Problem to solve
Reproduce the records word for word, from the first line to the line containing "#201=IFCMATERIAL('Steel ASTM A992".
____________________
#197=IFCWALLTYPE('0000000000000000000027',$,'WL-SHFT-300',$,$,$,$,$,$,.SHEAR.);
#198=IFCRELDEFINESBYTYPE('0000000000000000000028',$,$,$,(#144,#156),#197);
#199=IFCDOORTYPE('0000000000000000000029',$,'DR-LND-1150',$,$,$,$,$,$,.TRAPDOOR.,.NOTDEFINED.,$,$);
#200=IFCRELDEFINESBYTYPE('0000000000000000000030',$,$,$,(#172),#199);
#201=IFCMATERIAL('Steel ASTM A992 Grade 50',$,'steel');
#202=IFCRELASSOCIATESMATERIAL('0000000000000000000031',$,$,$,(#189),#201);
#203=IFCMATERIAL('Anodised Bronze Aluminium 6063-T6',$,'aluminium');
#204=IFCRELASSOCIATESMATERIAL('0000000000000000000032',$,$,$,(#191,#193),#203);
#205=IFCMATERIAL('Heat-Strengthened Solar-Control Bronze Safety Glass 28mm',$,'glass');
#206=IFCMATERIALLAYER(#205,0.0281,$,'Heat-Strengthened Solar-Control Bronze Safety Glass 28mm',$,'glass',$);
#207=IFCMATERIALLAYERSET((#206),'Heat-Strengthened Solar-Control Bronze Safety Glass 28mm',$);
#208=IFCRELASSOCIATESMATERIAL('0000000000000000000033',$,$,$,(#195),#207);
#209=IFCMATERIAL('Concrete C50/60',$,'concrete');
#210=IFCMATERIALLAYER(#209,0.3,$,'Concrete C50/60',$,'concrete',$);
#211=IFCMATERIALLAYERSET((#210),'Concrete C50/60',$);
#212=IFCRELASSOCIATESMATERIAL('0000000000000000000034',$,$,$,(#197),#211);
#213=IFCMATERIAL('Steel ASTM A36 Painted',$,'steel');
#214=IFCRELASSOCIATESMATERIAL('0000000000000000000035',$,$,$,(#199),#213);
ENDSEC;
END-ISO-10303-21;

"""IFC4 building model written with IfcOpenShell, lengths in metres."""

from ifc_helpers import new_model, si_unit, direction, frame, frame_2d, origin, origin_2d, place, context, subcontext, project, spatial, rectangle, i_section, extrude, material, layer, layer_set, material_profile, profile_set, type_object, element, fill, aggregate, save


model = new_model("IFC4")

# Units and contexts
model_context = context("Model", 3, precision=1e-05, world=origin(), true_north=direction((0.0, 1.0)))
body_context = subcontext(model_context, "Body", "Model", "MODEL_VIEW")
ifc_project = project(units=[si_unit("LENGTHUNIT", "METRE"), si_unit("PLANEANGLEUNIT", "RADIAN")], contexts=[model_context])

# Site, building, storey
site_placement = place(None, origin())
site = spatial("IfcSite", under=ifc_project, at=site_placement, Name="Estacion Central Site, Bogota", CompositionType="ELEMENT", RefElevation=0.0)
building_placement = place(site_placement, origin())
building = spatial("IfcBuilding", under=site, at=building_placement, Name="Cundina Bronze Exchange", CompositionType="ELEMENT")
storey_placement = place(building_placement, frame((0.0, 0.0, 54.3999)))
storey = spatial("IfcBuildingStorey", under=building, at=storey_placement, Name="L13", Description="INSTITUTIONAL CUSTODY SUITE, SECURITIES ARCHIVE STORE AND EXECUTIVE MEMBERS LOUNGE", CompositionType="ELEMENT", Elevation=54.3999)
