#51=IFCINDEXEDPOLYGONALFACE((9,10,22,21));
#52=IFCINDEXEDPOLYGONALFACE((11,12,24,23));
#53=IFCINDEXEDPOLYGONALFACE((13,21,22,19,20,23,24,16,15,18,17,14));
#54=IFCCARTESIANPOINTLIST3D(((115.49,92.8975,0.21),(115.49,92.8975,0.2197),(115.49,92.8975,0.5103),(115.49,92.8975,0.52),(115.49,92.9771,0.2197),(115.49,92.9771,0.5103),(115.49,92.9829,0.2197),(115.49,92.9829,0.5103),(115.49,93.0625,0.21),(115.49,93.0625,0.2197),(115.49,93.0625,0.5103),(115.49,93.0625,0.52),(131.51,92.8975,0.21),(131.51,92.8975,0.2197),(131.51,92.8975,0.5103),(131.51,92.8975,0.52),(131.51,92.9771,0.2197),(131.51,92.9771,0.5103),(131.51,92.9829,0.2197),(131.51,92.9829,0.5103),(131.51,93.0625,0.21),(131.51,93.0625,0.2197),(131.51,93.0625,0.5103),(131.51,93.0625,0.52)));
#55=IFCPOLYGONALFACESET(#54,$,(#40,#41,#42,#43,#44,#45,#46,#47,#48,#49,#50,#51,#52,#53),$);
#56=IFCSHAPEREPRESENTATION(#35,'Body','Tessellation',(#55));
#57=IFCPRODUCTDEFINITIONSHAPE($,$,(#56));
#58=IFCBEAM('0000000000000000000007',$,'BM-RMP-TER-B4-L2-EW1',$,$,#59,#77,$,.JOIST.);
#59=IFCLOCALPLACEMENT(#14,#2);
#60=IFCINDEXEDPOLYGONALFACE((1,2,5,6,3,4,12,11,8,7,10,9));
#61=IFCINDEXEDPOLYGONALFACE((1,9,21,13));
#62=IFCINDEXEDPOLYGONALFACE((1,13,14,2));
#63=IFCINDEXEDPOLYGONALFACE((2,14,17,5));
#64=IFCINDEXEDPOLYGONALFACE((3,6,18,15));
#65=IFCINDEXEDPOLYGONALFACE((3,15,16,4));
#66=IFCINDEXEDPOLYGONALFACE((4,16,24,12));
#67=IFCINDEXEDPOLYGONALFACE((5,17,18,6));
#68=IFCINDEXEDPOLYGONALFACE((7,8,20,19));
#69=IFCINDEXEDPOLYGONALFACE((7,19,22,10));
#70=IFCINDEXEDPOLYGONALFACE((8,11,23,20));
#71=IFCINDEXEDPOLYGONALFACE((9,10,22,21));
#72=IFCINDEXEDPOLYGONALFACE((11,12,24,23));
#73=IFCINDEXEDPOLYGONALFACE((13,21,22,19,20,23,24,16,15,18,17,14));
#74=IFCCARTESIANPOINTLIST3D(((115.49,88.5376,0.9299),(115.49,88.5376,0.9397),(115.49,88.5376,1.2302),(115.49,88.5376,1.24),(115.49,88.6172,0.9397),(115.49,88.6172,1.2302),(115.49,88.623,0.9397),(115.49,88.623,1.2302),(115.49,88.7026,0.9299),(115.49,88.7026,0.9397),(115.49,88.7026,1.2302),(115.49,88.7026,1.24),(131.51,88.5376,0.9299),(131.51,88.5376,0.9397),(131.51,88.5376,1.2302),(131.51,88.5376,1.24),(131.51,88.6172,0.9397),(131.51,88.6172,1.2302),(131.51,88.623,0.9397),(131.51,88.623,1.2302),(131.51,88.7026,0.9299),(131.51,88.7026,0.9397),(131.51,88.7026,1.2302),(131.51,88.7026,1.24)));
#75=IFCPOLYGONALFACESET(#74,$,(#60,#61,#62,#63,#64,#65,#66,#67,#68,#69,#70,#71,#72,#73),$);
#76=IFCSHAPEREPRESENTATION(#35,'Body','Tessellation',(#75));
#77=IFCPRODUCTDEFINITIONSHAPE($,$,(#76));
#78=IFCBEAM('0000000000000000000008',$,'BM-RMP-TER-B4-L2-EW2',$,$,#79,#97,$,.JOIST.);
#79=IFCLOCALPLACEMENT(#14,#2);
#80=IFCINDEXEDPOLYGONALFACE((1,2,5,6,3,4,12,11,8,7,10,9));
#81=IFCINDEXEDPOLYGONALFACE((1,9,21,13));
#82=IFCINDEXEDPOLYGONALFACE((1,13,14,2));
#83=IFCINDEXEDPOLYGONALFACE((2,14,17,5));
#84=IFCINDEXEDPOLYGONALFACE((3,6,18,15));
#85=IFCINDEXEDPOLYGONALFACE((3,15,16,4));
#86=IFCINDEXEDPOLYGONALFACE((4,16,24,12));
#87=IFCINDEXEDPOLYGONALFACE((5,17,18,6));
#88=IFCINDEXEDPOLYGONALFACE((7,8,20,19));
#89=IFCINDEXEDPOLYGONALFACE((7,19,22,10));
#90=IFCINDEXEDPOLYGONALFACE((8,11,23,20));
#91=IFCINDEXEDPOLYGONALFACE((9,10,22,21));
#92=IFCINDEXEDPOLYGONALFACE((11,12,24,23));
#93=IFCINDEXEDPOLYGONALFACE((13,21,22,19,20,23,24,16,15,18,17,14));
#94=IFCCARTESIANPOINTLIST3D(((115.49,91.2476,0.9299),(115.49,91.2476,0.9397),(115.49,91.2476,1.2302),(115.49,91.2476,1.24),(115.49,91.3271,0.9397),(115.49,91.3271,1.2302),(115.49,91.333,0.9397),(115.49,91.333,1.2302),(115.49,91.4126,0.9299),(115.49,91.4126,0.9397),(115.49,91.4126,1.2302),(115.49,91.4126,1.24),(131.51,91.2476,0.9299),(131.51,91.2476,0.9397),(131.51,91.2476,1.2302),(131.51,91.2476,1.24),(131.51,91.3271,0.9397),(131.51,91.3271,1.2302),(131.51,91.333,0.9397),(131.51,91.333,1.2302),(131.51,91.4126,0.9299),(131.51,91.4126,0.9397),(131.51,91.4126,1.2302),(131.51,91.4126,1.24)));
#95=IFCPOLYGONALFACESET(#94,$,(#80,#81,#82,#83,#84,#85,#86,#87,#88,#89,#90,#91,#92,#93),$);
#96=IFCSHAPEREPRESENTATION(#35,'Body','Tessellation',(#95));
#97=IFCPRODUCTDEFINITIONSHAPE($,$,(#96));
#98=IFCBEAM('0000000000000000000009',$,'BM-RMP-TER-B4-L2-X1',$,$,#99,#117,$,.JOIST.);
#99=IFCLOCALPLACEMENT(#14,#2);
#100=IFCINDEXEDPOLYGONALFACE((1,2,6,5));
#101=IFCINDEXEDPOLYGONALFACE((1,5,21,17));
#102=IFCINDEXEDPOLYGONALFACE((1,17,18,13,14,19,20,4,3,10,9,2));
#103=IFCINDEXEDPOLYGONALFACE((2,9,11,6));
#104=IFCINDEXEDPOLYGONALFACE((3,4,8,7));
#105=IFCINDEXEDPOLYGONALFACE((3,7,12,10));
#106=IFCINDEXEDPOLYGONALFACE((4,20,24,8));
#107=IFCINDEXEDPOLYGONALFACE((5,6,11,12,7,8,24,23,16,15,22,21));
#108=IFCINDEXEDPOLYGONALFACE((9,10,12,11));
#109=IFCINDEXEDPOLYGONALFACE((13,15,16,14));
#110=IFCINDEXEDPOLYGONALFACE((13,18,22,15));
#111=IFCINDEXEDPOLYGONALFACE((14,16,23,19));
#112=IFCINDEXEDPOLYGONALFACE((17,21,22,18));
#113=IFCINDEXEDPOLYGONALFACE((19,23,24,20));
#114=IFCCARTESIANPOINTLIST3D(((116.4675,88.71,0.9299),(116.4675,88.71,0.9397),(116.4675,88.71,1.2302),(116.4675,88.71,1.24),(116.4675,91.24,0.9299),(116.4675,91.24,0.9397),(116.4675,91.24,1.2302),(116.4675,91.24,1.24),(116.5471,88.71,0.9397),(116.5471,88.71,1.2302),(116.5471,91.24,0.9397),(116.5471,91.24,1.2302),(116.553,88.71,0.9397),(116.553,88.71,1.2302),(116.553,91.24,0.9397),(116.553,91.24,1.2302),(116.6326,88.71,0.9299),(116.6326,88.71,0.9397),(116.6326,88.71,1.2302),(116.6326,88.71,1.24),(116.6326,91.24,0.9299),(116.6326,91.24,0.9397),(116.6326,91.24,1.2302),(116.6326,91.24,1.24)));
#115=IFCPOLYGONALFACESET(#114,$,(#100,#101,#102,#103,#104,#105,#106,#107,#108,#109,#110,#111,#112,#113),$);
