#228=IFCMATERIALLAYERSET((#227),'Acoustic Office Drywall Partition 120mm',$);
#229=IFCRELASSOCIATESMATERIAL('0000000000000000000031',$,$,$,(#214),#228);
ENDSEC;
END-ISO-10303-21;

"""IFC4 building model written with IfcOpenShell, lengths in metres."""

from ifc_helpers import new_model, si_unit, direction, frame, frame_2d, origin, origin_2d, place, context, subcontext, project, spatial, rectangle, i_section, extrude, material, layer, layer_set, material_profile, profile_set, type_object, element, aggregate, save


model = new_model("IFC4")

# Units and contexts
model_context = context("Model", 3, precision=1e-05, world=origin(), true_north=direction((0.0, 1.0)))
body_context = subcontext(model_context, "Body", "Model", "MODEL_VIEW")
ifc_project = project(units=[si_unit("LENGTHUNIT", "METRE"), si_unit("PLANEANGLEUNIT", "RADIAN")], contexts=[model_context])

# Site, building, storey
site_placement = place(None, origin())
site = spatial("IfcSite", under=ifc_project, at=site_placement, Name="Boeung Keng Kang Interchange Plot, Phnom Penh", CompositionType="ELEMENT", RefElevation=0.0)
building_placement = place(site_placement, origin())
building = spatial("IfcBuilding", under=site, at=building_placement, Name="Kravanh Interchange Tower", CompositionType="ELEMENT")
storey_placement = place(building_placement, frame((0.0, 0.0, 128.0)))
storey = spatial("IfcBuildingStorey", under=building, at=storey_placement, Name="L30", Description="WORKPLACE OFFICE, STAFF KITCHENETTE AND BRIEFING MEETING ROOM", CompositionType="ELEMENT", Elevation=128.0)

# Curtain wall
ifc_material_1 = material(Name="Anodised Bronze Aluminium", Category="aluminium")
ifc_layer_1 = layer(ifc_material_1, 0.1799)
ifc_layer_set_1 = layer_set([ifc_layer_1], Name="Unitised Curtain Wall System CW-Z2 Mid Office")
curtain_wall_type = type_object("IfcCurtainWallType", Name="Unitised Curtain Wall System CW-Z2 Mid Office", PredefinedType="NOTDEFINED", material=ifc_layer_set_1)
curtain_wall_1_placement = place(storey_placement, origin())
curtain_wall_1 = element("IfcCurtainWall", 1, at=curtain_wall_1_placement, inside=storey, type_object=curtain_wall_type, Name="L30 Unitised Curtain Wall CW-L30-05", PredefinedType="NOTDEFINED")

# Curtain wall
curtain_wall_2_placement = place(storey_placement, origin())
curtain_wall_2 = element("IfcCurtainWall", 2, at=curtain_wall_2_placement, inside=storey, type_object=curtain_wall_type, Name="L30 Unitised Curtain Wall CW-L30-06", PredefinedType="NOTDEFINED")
____________________
Completed exercise
#197=IFCWALLTYPE('0000000000000000000027',$,'WL-SHFT-300',$,$,$,$,$,$,.SHEAR.);
#198=IFCRELDEFINESBYTYPE('0000000000000000000028',$,$,$,(#144,#156),#197);
#199=IFCDOORTYPE('0000000000000000000029',$,'DR-LND-1150',$,$,$,$,$,$,.TRAPDOOR.,.NOTDEFINED.,$,$);
#200=IFCRELDEFINESBYTYPE('0000000000000000000030',$,$,$,(#172),#199);
#201=IFCMATERIAL('Steel ASTM A992 Grade 50',$,'steel');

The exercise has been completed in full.